=== WHAT YOU ARE ASKED TO DO ===
Show only those lines of the entries where the string "IFCSHAPEREPRESENTATION" is found.

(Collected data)
******************************

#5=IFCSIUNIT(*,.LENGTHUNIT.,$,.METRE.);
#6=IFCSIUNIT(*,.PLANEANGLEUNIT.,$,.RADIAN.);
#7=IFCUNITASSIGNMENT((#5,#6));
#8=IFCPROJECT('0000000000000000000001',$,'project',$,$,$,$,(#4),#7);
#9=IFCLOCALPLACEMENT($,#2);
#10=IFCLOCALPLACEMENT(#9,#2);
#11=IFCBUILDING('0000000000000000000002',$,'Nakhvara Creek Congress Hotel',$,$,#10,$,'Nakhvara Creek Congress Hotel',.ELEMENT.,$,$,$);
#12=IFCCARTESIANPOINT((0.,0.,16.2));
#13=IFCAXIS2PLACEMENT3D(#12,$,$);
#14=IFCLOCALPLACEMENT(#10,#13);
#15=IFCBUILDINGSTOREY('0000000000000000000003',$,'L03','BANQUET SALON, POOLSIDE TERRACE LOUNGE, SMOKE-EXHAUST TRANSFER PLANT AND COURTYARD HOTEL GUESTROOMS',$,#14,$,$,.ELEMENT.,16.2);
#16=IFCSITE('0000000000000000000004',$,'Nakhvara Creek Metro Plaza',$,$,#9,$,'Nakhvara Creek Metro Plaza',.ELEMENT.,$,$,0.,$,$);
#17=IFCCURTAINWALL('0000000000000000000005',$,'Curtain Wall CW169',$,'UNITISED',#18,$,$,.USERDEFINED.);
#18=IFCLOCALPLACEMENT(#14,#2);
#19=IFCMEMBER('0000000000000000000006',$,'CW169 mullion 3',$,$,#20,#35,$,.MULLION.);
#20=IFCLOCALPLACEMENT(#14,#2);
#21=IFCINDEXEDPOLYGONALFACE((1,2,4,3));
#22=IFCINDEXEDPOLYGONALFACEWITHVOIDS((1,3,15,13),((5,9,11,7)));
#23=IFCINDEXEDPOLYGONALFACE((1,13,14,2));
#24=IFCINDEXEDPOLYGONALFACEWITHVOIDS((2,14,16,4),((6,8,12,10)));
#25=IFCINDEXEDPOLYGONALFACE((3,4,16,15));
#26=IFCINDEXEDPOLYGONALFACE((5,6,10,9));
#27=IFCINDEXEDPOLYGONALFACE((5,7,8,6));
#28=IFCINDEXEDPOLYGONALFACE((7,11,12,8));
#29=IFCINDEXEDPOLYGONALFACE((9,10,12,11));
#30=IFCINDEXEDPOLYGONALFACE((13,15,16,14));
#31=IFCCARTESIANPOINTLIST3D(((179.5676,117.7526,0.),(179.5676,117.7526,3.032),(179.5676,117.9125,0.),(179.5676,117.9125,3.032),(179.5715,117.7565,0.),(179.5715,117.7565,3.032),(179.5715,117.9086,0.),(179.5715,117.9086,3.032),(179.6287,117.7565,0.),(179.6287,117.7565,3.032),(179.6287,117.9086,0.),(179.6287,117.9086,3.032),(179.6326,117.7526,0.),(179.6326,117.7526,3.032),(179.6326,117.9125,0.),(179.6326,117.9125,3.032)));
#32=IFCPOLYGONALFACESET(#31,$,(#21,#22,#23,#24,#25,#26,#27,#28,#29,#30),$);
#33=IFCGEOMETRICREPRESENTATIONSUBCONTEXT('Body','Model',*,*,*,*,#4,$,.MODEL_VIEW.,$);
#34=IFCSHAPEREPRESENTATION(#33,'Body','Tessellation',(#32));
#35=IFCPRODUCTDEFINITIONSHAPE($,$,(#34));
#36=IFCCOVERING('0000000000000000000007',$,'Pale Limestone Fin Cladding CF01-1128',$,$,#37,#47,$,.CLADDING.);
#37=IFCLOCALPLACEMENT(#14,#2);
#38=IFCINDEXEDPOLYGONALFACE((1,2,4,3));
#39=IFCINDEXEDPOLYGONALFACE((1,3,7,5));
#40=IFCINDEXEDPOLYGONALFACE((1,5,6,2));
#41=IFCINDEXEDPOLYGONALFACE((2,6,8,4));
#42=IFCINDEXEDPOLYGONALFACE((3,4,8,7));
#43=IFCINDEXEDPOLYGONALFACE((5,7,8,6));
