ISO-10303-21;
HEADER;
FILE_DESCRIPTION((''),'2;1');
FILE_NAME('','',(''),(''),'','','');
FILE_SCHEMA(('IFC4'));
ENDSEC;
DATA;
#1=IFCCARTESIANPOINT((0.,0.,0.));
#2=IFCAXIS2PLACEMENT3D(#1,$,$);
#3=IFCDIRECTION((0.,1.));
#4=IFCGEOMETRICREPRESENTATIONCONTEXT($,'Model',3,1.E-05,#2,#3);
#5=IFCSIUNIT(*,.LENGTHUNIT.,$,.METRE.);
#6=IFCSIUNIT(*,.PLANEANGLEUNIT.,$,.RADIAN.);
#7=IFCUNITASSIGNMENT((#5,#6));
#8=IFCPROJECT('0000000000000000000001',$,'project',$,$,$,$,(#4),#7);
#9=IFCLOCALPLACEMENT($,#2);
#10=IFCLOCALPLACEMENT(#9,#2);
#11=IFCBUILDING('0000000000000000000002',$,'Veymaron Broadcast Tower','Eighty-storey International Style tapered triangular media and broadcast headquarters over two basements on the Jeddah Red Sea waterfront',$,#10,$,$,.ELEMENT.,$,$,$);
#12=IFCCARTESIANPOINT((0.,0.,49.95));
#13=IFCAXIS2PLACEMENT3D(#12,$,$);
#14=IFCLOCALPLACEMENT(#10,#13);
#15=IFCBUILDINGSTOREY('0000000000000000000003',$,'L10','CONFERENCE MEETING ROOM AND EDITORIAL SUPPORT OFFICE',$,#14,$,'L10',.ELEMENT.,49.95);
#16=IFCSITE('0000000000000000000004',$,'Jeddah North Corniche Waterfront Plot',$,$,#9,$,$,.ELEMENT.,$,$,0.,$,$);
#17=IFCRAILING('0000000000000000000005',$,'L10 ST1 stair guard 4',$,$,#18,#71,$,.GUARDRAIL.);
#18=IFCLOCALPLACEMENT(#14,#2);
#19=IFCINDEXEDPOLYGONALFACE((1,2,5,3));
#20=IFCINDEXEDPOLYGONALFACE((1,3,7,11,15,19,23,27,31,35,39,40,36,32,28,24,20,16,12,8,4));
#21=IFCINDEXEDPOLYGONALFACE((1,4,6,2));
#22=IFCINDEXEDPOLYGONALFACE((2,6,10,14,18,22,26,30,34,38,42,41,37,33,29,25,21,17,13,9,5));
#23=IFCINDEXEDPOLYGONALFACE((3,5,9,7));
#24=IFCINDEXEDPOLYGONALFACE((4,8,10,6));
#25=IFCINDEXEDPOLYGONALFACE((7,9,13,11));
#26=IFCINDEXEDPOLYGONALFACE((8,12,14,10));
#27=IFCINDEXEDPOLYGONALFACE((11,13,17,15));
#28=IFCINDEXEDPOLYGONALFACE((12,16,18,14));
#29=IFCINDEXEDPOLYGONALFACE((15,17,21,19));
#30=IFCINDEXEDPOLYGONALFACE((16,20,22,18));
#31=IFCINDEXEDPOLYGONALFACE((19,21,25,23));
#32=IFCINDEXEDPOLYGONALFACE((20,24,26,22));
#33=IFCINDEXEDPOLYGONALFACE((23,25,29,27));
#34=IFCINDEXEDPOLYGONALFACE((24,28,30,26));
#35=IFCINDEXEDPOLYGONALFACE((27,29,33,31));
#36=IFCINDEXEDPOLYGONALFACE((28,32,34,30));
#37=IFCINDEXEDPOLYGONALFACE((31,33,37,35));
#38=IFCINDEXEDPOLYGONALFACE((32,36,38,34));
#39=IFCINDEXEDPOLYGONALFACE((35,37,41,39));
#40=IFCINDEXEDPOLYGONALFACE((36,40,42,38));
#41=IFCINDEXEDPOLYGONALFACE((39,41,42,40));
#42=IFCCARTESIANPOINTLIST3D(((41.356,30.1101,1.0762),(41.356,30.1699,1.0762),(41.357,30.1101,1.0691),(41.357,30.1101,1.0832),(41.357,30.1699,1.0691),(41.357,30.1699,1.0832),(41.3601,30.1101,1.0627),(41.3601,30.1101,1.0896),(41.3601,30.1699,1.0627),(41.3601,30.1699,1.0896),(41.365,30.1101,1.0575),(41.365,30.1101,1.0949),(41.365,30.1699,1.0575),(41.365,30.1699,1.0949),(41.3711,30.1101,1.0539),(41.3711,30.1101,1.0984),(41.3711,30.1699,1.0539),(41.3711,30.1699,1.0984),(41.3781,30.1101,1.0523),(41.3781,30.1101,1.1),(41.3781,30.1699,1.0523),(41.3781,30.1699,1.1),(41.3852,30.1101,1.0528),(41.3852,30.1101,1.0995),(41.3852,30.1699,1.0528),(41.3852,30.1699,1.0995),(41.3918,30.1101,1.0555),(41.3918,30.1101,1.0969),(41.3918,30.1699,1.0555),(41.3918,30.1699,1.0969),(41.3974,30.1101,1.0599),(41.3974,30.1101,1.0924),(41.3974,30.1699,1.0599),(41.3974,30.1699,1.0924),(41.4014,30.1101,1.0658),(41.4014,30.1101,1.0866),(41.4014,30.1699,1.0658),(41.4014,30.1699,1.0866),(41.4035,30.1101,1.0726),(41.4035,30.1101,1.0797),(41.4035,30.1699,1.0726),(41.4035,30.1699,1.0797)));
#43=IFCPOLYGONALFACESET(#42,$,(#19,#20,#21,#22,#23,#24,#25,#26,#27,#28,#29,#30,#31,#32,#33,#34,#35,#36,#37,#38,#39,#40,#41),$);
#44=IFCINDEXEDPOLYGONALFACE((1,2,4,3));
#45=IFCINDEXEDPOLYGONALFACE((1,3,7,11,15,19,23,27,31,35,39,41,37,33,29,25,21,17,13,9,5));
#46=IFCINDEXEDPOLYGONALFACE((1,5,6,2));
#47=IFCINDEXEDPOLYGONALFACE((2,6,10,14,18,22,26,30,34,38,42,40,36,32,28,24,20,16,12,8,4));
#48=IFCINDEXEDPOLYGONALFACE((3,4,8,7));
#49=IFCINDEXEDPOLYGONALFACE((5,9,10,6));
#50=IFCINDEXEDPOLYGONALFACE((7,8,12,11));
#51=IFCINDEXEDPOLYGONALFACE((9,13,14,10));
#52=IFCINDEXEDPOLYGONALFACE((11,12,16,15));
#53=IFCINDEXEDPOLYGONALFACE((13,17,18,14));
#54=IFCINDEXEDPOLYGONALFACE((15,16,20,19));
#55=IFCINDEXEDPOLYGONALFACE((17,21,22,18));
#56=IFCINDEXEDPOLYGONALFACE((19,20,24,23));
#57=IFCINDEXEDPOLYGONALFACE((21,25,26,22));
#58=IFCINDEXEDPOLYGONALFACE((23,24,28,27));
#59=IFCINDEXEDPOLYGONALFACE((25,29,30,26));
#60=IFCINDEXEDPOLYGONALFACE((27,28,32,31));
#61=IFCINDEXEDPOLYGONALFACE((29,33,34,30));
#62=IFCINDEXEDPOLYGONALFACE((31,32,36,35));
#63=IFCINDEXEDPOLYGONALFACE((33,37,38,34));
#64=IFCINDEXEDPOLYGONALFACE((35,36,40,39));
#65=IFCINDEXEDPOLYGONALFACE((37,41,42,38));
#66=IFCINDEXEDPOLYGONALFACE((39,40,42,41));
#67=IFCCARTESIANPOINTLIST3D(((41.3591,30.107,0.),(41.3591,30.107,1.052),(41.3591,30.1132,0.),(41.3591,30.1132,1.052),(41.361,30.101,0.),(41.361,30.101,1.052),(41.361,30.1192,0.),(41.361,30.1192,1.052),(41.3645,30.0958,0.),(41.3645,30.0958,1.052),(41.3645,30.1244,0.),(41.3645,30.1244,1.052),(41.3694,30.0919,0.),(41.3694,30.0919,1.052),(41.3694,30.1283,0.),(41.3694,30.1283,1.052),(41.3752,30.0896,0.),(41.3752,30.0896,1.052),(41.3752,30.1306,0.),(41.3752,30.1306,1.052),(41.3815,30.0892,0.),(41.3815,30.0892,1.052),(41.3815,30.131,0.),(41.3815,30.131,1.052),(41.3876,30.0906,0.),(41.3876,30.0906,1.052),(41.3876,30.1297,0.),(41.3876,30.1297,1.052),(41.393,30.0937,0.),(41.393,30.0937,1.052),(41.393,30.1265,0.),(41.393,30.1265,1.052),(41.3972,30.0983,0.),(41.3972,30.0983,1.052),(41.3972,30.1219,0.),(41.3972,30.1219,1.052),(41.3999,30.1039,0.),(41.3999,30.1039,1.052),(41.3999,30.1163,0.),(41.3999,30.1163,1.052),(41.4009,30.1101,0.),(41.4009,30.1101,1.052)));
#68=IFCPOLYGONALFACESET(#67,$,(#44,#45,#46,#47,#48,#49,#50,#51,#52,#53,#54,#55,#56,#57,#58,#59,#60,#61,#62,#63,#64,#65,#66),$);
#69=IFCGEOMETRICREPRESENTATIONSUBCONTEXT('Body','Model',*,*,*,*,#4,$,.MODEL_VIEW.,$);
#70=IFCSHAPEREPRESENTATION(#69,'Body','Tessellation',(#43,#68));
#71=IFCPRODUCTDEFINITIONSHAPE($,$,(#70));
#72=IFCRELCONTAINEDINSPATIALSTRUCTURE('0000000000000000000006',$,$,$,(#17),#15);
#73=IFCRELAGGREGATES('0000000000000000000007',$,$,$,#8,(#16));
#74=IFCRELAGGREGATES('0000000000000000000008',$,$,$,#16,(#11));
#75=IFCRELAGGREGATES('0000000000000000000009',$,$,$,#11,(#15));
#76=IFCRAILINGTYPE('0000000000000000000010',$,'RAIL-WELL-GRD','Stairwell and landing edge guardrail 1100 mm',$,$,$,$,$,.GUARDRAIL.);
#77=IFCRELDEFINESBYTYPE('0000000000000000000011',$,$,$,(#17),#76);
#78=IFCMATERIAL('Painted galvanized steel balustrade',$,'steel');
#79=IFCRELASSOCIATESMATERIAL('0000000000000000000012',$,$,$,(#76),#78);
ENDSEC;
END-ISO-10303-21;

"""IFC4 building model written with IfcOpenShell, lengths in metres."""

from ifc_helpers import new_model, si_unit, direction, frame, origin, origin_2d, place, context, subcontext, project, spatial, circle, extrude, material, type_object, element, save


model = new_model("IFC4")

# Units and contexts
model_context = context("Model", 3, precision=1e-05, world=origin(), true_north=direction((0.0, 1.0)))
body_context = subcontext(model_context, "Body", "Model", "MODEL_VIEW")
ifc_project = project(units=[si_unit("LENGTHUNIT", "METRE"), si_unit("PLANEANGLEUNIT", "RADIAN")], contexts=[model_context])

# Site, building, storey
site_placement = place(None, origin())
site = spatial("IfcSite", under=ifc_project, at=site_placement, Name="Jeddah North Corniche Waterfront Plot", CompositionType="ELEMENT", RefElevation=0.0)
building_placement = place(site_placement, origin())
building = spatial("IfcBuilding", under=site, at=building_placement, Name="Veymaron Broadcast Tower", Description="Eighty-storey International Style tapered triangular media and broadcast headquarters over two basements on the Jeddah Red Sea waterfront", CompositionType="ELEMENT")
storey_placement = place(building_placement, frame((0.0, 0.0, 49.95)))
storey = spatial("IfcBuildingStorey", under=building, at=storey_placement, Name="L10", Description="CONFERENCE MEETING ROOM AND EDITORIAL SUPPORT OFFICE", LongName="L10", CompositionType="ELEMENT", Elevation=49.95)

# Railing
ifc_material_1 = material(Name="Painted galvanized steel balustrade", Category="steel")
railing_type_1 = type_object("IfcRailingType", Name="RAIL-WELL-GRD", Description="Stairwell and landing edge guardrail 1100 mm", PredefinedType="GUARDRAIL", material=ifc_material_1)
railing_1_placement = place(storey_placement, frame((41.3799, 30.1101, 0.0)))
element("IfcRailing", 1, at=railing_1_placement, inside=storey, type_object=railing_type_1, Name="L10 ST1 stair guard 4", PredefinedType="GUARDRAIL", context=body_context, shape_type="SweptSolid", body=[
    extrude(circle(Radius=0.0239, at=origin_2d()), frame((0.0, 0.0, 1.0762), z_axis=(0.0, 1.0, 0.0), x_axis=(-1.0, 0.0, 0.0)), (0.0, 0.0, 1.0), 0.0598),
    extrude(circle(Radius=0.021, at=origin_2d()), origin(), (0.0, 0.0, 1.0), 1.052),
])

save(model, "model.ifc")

******************************

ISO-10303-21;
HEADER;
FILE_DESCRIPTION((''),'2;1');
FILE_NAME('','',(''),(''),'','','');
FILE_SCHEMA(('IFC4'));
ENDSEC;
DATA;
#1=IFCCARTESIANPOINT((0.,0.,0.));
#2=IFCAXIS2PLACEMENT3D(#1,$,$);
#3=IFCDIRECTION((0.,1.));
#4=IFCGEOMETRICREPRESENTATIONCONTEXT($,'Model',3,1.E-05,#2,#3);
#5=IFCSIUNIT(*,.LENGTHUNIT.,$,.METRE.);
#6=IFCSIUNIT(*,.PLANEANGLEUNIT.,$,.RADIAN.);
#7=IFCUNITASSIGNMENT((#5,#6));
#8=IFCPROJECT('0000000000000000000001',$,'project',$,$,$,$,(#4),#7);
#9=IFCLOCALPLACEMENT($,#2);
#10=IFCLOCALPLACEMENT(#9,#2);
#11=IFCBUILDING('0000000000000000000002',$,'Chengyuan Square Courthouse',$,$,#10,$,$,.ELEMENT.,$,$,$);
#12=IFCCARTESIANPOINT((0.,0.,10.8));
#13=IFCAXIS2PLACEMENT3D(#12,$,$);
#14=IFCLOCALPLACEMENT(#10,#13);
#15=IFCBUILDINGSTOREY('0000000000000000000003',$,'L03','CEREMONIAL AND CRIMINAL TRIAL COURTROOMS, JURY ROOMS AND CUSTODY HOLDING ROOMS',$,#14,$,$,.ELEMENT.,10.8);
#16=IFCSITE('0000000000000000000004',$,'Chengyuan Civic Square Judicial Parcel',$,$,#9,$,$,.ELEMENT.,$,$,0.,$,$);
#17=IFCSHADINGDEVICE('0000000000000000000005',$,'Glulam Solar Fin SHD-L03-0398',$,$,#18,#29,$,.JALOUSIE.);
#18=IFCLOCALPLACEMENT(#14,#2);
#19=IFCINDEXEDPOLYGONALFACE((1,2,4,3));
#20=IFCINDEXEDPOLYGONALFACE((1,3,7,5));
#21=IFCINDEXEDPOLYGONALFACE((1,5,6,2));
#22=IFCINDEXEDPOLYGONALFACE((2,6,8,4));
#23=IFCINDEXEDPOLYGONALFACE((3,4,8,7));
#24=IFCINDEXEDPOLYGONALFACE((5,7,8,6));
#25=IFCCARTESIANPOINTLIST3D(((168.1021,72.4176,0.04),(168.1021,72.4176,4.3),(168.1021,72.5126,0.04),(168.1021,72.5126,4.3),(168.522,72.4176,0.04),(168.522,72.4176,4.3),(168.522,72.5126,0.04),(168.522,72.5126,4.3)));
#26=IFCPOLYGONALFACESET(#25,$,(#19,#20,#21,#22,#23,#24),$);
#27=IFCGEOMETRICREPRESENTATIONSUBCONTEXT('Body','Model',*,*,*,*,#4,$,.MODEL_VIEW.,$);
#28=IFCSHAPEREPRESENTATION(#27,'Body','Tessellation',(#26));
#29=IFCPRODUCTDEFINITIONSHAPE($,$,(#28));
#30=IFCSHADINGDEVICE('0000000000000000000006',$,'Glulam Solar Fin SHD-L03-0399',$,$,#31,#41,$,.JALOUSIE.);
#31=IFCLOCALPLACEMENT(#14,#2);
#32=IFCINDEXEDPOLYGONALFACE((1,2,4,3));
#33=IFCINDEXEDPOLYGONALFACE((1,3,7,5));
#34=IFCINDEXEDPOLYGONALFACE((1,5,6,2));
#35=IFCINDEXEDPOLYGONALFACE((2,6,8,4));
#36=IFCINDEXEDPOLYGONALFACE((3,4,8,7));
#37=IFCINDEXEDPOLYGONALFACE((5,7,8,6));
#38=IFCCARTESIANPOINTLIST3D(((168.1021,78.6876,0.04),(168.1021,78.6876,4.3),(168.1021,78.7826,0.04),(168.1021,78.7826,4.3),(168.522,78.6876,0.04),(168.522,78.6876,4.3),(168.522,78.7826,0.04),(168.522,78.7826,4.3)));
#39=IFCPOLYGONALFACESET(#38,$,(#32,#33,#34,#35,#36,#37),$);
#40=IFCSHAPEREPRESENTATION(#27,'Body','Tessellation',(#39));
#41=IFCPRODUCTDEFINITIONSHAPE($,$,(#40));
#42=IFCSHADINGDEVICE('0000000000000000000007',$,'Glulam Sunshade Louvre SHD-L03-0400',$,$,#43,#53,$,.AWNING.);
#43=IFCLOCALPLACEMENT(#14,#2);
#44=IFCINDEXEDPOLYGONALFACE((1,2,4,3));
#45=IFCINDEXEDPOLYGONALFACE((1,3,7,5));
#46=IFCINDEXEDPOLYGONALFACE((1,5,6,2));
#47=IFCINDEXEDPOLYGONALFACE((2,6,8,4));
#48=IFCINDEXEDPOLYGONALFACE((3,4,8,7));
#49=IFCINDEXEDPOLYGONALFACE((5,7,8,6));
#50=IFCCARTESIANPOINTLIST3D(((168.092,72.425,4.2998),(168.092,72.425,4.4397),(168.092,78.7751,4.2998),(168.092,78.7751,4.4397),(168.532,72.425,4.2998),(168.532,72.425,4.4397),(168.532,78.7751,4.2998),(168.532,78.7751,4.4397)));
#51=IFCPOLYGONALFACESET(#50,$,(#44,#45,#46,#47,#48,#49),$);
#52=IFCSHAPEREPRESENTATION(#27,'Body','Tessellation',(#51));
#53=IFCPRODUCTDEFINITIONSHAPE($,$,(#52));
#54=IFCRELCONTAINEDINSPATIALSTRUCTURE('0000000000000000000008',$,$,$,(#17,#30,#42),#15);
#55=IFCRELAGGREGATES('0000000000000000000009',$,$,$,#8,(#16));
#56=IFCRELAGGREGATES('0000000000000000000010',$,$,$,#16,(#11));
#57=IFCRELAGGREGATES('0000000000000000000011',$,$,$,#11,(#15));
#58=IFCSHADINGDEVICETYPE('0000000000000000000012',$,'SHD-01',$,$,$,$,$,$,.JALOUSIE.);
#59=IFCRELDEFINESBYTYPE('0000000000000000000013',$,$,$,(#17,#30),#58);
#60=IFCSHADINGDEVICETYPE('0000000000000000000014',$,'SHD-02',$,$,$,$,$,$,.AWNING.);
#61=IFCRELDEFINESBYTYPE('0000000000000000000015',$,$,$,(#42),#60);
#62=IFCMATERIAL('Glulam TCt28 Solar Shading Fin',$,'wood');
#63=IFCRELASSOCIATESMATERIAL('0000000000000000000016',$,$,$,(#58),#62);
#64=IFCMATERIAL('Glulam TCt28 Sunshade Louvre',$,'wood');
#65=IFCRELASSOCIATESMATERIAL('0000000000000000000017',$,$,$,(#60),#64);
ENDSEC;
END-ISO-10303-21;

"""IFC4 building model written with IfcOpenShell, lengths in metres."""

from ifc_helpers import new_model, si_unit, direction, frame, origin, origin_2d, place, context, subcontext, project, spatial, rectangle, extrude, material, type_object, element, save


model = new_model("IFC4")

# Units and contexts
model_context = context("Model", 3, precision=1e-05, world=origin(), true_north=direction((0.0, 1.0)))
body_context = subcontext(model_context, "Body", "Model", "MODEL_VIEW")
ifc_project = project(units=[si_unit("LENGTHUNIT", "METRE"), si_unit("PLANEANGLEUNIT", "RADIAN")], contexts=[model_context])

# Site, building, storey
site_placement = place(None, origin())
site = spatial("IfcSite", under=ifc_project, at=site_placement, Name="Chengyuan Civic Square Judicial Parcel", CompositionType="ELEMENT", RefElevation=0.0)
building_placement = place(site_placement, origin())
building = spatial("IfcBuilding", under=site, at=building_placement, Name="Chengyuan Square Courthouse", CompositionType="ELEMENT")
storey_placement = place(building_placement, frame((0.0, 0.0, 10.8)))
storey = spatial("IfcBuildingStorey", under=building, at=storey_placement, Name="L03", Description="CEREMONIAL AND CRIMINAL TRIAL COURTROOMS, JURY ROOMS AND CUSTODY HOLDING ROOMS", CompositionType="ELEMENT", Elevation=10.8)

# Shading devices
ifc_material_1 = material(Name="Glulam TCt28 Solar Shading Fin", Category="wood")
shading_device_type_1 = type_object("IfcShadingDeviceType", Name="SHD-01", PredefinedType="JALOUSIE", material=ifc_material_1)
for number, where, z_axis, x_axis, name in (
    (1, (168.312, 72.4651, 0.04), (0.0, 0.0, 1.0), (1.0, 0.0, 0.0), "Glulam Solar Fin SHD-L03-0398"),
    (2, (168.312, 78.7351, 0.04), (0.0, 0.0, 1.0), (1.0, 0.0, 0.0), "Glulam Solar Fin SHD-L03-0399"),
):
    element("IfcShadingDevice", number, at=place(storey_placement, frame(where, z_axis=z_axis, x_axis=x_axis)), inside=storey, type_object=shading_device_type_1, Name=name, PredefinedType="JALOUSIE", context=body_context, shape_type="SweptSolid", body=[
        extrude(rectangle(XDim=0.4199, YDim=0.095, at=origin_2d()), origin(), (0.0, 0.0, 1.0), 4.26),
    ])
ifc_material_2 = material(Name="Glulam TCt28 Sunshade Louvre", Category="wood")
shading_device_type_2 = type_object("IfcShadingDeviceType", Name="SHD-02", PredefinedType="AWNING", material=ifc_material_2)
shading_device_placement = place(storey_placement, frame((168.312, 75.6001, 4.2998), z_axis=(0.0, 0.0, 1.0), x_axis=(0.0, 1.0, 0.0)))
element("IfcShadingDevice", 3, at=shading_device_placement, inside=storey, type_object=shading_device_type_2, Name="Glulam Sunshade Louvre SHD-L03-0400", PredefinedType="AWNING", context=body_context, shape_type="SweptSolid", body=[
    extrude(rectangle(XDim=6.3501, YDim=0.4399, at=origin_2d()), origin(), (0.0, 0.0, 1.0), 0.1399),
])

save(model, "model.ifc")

******************************

=== EXERCISE RESULT ===
#34=IFCSHAPEREPRESENTATION(#33,'Body','Tessellation',(#32));
#70=IFCSHAPEREPRESENTATION(#69,'Body','Tessellation',(#43,#68));
#28=IFCSHAPEREPRESENTATION(#27,'Body','Tessellation',(#26));
#40=IFCSHAPEREPRESENTATION(#27,'Body','Tessellation',(#39));
#52=IFCSHAPEREPRESENTATION(#27,'Body','Tessellation',(#51));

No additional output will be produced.